* **Directions**
Up to and including the line with "#117=IFCPRODUCTDEFINITIONSHAPE($,$,(#116));", return every line from the start of the entries below exactly.

* **Materials provided**
○ ○ ○ ○ ○ ○ ○

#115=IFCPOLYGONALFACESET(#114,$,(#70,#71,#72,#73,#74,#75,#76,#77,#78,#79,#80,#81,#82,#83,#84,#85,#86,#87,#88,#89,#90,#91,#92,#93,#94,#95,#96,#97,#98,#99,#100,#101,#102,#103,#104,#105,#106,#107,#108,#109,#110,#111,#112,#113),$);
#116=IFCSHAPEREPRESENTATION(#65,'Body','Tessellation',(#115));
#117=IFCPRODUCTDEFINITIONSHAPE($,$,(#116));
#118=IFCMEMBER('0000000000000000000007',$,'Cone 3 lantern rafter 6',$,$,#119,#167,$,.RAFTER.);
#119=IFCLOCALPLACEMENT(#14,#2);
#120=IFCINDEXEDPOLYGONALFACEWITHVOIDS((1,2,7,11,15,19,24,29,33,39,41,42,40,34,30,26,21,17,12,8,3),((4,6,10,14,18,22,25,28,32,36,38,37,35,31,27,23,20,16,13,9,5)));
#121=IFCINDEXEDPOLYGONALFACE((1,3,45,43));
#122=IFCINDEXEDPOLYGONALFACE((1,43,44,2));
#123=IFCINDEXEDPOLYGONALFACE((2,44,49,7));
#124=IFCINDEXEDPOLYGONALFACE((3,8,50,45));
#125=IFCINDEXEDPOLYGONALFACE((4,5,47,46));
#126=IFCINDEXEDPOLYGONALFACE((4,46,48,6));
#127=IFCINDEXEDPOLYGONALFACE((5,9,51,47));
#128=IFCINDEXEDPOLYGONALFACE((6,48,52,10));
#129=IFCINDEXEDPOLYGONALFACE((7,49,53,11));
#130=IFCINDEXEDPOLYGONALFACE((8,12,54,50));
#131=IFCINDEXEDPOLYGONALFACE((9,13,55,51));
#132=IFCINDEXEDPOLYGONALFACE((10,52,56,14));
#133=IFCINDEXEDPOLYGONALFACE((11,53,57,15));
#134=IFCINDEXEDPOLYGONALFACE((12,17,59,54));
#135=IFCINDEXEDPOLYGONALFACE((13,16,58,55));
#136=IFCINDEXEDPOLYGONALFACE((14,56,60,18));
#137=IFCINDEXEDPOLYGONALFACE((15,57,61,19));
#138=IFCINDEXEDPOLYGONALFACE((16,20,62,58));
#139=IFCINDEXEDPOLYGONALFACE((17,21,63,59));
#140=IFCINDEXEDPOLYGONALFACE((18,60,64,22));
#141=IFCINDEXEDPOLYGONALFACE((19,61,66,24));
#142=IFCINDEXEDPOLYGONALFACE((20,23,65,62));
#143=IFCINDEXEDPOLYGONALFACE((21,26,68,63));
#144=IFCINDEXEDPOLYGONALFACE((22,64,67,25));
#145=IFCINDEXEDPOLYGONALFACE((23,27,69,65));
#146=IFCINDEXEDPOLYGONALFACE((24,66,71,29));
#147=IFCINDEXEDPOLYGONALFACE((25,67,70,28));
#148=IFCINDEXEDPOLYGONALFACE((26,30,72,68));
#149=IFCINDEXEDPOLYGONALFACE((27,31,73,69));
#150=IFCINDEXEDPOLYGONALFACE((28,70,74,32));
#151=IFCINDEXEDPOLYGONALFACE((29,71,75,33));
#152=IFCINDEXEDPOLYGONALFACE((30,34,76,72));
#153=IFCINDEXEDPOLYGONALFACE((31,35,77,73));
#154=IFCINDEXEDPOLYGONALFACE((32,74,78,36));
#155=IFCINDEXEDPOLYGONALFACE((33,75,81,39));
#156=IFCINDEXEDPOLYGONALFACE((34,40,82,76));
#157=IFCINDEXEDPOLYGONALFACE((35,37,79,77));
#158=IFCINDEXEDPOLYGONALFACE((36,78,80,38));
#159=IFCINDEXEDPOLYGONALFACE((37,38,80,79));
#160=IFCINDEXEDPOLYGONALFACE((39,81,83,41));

○ ○ ○ ○ ○ ○ ○

* **The completed task**
#115=IFCPOLYGONALFACESET(#114,$,(#70,#71,#72,#73,#74,#75,#76,#77,#78,#79,#80,#81,#82,#83,#84,#85,#86,#87,#88,#89,#90,#91,#92,#93,#94,#95,#96,#97,#98,#99,#100,#101,#102,#103,#104,#105,#106,#107,#108,#109,#110,#111,#112,#113),$);
#116=IFCSHAPEREPRESENTATION(#65,'Body','Tessellation',(#115));
#117=IFCPRODUCTDEFINITIONSHAPE($,$,(#116));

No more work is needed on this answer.